Would you copy the material below word for word, beginning with its first line and ending with the line that contains "#133=IFCINDEXEDPOLYGONALFACE((23,59,61,25));"?

* [Input]:

↓↓↓

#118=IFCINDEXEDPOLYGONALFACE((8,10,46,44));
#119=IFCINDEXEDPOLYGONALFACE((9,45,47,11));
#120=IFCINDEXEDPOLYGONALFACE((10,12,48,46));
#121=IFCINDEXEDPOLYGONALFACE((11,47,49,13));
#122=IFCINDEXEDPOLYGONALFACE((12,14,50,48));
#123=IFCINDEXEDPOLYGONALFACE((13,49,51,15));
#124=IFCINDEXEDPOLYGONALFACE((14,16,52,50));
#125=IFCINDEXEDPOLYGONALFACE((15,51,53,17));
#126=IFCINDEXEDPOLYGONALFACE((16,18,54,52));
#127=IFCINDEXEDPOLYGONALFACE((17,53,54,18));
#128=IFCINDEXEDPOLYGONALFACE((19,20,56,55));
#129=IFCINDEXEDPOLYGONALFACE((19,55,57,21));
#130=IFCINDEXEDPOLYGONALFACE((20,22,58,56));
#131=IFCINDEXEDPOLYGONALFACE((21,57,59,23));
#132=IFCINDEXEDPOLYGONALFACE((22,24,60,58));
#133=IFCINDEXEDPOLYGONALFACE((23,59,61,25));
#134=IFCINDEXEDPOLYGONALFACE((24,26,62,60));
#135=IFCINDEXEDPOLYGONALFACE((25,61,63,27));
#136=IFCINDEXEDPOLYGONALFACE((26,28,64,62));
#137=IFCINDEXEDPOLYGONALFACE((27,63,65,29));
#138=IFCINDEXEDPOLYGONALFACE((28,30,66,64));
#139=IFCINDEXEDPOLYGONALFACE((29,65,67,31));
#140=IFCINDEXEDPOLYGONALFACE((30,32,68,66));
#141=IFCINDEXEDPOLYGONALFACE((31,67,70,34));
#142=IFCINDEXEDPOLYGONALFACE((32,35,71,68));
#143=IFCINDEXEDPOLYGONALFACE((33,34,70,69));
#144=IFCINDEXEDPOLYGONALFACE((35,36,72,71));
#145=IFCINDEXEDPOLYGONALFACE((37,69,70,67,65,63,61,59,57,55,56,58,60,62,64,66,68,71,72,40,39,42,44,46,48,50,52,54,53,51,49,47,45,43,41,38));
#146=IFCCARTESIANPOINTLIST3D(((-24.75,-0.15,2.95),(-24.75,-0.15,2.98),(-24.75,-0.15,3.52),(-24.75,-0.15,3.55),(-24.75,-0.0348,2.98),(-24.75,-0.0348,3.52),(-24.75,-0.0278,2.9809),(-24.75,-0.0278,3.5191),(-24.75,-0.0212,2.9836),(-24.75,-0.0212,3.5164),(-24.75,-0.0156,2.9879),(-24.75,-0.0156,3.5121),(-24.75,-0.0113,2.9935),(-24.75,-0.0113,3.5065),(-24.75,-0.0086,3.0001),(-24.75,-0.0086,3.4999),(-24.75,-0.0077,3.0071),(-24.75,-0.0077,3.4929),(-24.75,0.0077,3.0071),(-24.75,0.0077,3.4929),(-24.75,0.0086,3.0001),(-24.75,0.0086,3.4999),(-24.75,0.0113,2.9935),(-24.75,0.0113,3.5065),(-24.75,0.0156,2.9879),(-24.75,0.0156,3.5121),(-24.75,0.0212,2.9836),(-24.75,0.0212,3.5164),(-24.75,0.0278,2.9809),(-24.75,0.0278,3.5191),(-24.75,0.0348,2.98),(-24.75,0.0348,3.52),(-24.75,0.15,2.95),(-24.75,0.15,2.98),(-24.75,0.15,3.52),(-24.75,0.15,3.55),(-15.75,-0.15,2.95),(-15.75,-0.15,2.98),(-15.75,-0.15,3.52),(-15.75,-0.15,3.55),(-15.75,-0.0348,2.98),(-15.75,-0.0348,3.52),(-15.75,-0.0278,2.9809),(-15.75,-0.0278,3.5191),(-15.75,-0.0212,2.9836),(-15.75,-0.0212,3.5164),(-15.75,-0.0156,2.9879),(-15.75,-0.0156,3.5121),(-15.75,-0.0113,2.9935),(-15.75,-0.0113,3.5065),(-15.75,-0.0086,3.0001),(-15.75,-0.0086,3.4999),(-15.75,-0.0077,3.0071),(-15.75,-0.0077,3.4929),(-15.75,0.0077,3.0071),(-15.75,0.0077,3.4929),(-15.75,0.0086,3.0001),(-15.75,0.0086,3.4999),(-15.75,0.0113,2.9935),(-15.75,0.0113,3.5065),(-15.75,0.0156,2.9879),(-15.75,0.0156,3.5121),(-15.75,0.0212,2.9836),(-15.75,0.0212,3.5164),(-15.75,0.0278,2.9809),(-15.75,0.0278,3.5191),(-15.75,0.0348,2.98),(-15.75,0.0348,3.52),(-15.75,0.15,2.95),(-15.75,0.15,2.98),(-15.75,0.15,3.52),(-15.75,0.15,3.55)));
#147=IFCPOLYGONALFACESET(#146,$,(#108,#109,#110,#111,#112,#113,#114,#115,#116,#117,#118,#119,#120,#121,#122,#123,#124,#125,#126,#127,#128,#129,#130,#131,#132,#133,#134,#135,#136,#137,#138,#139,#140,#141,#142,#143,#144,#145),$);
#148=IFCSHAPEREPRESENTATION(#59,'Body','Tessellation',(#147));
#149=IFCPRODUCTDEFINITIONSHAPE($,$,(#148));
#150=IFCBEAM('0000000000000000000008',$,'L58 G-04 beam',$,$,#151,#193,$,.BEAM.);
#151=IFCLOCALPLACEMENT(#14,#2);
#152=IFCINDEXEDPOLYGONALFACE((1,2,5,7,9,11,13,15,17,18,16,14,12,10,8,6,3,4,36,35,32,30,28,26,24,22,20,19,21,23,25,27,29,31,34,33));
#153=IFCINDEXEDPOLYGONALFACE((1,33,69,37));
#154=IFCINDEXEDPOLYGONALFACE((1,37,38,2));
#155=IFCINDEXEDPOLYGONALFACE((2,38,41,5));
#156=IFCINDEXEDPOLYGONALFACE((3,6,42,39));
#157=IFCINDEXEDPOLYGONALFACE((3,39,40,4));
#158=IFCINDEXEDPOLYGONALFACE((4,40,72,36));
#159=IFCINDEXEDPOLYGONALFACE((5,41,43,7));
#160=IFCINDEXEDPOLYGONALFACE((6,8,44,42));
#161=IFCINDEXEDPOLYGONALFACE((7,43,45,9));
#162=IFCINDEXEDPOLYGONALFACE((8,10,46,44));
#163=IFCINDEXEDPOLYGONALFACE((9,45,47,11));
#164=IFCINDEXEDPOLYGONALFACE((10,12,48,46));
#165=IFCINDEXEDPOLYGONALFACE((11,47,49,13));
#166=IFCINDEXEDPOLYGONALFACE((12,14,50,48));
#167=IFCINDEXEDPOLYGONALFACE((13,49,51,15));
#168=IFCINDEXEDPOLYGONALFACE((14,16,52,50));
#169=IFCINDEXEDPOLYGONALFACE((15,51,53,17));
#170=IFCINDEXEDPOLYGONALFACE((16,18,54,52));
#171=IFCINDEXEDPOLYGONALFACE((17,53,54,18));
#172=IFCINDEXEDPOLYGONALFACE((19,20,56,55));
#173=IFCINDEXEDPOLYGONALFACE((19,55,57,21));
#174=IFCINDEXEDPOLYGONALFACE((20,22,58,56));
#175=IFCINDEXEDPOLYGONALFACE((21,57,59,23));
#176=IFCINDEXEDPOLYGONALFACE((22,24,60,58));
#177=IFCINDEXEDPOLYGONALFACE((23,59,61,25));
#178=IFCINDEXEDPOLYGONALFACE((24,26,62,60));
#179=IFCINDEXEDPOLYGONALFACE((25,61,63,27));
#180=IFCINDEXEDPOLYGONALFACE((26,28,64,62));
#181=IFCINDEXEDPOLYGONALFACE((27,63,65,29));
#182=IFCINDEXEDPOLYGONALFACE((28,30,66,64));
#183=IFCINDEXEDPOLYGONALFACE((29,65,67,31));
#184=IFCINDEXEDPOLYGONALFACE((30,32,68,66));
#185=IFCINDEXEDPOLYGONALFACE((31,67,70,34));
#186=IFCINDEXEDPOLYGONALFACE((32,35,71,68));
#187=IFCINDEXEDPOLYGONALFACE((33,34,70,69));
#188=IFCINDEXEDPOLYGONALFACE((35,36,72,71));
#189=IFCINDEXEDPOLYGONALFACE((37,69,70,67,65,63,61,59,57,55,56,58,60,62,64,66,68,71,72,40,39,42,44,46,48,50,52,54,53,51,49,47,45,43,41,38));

↑↑↑

* [Written response]:
#118=IFCINDEXEDPOLYGONALFACE((8,10,46,44));
#119=IFCINDEXEDPOLYGONALFACE((9,45,47,11));
#120=IFCINDEXEDPOLYGONALFACE((10,12,48,46));
#121=IFCINDEXEDPOLYGONALFACE((11,47,49,13));
#122=IFCINDEXEDPOLYGONALFACE((12,14,50,48));
#123=IFCINDEXEDPOLYGONALFACE((13,49,51,15));
#124=IFCINDEXEDPOLYGONALFACE((14,16,52,50));
#125=IFCINDEXEDPOLYGONALFACE((15,51,53,17));
#126=IFCINDEXEDPOLYGONALFACE((16,18,54,52));
#127=IFCINDEXEDPOLYGONALFACE((17,53,54,18));
#128=IFCINDEXEDPOLYGONALFACE((19,20,56,55));
#129=IFCINDEXEDPOLYGONALFACE((19,55,57,21));
#130=IFCINDEXEDPOLYGONALFACE((20,22,58,56));
#131=IFCINDEXEDPOLYGONALFACE((21,57,59,23));
#132=IFCINDEXEDPOLYGONALFACE((22,24,60,58));
#133=IFCINDEXEDPOLYGONALFACE((23,59,61,25));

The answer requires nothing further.